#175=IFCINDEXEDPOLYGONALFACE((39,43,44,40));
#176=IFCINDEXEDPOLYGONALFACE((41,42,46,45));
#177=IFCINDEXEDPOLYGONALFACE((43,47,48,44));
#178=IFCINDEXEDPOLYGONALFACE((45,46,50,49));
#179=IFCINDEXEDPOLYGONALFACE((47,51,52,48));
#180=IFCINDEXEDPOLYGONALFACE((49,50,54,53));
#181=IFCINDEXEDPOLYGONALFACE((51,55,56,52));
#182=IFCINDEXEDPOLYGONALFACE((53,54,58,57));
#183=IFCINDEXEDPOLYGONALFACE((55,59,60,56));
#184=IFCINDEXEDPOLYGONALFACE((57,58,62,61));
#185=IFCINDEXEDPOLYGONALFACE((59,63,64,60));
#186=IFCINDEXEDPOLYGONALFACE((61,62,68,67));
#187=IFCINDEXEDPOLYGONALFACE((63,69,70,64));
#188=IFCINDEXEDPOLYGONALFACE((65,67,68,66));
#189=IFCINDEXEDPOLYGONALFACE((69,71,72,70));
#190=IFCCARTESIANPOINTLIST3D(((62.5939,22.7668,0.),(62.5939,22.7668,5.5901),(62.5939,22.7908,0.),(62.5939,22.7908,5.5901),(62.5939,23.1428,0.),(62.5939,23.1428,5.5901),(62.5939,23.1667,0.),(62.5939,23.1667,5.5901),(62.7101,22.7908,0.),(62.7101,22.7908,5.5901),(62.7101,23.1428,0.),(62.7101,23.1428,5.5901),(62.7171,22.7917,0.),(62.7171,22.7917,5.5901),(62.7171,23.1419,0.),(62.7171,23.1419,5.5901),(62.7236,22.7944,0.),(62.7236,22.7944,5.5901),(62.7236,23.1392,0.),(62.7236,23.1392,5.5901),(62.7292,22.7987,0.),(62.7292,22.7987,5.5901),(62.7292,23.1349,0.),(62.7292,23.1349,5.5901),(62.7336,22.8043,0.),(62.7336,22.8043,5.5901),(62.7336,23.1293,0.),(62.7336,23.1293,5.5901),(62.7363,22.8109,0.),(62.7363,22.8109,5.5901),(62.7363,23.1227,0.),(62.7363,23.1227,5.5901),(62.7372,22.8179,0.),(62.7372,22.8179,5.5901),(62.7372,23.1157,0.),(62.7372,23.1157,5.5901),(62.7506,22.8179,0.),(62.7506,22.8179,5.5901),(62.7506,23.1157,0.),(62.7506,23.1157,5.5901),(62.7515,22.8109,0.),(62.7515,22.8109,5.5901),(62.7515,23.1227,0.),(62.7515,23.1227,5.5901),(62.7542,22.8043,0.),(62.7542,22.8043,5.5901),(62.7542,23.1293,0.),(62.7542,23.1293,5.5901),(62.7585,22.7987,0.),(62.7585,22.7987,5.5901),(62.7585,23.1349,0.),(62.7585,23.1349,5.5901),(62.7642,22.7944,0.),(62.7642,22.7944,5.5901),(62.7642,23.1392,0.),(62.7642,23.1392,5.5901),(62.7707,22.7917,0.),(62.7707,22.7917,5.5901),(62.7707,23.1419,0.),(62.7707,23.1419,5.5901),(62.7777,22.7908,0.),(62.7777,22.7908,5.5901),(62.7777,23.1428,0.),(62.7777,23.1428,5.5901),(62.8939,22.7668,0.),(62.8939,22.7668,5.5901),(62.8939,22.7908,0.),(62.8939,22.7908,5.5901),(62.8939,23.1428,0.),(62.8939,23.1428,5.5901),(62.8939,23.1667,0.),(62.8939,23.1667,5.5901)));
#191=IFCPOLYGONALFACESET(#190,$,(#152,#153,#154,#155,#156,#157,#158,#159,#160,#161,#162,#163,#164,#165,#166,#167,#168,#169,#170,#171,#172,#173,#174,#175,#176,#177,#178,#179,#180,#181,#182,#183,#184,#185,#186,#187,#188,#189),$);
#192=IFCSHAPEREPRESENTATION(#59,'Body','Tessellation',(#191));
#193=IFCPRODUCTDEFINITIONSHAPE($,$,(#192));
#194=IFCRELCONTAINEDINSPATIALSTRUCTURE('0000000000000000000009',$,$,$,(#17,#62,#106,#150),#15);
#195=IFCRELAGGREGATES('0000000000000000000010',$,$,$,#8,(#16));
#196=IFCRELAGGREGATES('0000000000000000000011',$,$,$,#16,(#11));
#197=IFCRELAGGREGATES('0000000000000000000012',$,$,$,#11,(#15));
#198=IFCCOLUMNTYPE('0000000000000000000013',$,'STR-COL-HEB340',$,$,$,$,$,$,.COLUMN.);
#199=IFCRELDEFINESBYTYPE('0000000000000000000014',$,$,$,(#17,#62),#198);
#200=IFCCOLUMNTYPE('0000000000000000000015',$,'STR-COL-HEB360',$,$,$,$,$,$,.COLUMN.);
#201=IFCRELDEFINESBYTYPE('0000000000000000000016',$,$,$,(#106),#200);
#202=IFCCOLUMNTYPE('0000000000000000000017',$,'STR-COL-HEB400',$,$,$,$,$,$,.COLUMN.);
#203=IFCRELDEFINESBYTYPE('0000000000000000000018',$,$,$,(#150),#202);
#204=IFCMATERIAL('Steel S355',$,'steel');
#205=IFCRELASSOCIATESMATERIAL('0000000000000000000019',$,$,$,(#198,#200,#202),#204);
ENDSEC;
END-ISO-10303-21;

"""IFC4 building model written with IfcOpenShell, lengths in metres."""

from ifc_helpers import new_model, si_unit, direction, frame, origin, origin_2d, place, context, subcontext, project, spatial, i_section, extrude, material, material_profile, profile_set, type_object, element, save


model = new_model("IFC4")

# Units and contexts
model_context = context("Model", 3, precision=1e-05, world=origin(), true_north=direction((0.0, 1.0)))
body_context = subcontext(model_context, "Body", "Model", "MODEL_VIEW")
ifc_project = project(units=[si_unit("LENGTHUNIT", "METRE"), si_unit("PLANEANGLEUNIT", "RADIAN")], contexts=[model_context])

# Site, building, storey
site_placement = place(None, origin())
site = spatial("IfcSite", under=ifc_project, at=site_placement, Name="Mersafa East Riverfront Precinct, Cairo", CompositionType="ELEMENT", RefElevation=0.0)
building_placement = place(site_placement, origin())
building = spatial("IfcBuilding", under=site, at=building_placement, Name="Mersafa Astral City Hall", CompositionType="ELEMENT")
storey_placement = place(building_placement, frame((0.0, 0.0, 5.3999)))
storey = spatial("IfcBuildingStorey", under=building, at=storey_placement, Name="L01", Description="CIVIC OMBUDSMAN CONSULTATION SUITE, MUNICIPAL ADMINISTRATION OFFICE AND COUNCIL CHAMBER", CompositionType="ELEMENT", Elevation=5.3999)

--

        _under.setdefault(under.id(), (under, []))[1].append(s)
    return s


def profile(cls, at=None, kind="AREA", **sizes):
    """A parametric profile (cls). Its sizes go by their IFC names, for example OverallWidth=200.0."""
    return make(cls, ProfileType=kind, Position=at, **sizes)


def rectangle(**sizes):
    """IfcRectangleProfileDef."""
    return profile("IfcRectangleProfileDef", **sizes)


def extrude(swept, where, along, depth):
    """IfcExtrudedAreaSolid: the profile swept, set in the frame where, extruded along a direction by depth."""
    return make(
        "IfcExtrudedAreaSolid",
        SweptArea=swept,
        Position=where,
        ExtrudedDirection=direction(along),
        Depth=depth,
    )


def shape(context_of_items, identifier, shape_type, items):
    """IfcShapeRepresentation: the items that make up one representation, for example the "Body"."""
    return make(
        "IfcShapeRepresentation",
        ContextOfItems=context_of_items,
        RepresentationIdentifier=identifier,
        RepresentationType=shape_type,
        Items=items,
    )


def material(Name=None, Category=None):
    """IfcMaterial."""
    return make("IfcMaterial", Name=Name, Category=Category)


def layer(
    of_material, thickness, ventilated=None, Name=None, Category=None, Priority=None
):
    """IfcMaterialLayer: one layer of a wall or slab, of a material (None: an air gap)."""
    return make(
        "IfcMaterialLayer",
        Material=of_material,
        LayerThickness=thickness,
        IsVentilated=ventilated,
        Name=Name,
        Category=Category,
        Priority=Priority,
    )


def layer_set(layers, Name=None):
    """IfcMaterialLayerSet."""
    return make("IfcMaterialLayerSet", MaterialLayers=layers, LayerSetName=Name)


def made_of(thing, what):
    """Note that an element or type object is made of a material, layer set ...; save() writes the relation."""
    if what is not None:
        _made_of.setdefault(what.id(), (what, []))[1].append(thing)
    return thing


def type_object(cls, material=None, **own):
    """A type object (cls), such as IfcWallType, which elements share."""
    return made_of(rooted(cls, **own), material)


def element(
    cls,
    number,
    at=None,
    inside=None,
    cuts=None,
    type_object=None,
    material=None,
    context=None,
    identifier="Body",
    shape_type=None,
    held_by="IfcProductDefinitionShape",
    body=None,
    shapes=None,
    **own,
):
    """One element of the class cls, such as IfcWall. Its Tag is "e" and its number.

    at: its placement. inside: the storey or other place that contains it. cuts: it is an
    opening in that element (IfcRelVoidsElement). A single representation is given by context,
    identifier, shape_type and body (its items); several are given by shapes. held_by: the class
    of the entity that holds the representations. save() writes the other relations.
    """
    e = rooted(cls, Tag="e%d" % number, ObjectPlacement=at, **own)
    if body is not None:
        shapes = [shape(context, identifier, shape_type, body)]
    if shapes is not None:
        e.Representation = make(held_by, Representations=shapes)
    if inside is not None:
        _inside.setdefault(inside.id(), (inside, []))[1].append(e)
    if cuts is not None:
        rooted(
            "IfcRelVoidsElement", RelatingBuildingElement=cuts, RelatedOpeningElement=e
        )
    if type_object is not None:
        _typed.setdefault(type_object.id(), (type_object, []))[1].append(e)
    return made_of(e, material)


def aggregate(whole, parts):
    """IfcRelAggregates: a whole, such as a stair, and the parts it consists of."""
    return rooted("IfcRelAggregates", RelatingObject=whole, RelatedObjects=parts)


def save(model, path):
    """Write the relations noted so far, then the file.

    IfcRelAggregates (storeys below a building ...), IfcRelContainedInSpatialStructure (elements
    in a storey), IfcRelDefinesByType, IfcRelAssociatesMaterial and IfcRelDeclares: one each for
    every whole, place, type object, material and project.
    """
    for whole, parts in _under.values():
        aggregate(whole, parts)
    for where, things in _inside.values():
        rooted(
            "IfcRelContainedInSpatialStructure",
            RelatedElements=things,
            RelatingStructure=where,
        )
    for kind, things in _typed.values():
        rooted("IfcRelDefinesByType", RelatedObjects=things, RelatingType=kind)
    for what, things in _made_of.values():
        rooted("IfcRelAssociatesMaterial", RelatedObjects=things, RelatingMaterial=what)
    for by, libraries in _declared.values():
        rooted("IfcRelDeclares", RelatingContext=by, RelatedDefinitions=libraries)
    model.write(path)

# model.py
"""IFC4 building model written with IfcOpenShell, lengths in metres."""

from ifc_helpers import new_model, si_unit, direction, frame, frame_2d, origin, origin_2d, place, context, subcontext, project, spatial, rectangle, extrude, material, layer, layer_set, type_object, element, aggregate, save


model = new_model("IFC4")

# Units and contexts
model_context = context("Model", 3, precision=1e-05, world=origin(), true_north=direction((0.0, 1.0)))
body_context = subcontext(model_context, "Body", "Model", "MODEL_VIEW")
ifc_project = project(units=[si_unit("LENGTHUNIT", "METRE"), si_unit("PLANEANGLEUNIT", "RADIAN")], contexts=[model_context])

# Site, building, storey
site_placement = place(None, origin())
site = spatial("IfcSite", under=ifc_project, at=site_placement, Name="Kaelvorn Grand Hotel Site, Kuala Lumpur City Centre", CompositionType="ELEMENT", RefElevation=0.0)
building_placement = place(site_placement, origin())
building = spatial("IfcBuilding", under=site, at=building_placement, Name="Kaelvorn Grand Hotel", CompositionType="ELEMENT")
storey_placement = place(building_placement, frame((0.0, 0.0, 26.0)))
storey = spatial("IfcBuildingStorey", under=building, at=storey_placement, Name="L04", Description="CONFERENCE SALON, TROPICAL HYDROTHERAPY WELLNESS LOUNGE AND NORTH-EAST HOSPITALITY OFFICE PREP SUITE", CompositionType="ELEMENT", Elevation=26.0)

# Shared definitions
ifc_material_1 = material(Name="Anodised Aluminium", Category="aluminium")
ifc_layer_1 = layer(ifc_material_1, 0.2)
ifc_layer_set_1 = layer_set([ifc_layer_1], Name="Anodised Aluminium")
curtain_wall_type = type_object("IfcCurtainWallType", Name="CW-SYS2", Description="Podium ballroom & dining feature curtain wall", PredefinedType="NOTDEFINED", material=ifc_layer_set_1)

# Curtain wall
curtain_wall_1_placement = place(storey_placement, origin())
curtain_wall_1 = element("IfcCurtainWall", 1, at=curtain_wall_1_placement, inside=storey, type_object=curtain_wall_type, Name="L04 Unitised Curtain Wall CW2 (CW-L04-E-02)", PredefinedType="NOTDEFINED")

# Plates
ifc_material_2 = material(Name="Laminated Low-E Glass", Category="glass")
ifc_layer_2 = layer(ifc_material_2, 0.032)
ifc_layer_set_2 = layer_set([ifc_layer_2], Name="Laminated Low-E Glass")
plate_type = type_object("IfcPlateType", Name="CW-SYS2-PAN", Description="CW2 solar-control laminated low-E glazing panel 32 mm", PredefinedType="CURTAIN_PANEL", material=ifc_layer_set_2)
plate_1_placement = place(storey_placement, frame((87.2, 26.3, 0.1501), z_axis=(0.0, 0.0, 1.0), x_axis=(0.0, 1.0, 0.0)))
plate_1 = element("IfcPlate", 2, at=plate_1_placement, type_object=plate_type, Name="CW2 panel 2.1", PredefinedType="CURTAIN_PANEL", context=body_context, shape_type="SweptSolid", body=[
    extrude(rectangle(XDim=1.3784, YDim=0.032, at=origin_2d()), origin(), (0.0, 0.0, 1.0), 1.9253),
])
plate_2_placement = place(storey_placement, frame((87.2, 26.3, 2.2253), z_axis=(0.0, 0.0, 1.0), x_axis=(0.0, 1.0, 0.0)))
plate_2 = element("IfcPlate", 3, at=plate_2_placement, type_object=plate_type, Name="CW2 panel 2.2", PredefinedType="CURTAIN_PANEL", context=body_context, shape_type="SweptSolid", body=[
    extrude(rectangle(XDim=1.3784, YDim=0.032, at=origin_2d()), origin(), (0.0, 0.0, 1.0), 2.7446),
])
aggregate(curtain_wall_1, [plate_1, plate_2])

## [TASK TO CARRY OUT]
Look back at the entries above and repeat, unchanged, every line from the line holding "#175=IFCINDEXEDPOLYGONALFACE((39,43,44,40));" through the line holding "#189=IFCINDEXEDPOLYGONALFACE((69,71,72,70));".

## [RESULT BELOW]
#175=IFCINDEXEDPOLYGONALFACE((39,43,44,40));
#176=IFCINDEXEDPOLYGONALFACE((41,42,46,45));
#177=IFCINDEXEDPOLYGONALFACE((43,47,48,44));
#178=IFCINDEXEDPOLYGONALFACE((45,46,50,49));
#179=IFCINDEXEDPOLYGONALFACE((47,51,52,48));
#180=IFCINDEXEDPOLYGONALFACE((49,50,54,53));
#181=IFCINDEXEDPOLYGONALFACE((51,55,56,52));
#182=IFCINDEXEDPOLYGONALFACE((53,54,58,57));
#183=IFCINDEXEDPOLYGONALFACE((55,59,60,56));
#184=IFCINDEXEDPOLYGONALFACE((57,58,62,61));
#185=IFCINDEXEDPOLYGONALFACE((59,63,64,60));
#186=IFCINDEXEDPOLYGONALFACE((61,62,68,67));
#187=IFCINDEXEDPOLYGONALFACE((63,69,70,64));
#188=IFCINDEXEDPOLYGONALFACE((65,67,68,66));
#189=IFCINDEXEDPOLYGONALFACE((69,71,72,70));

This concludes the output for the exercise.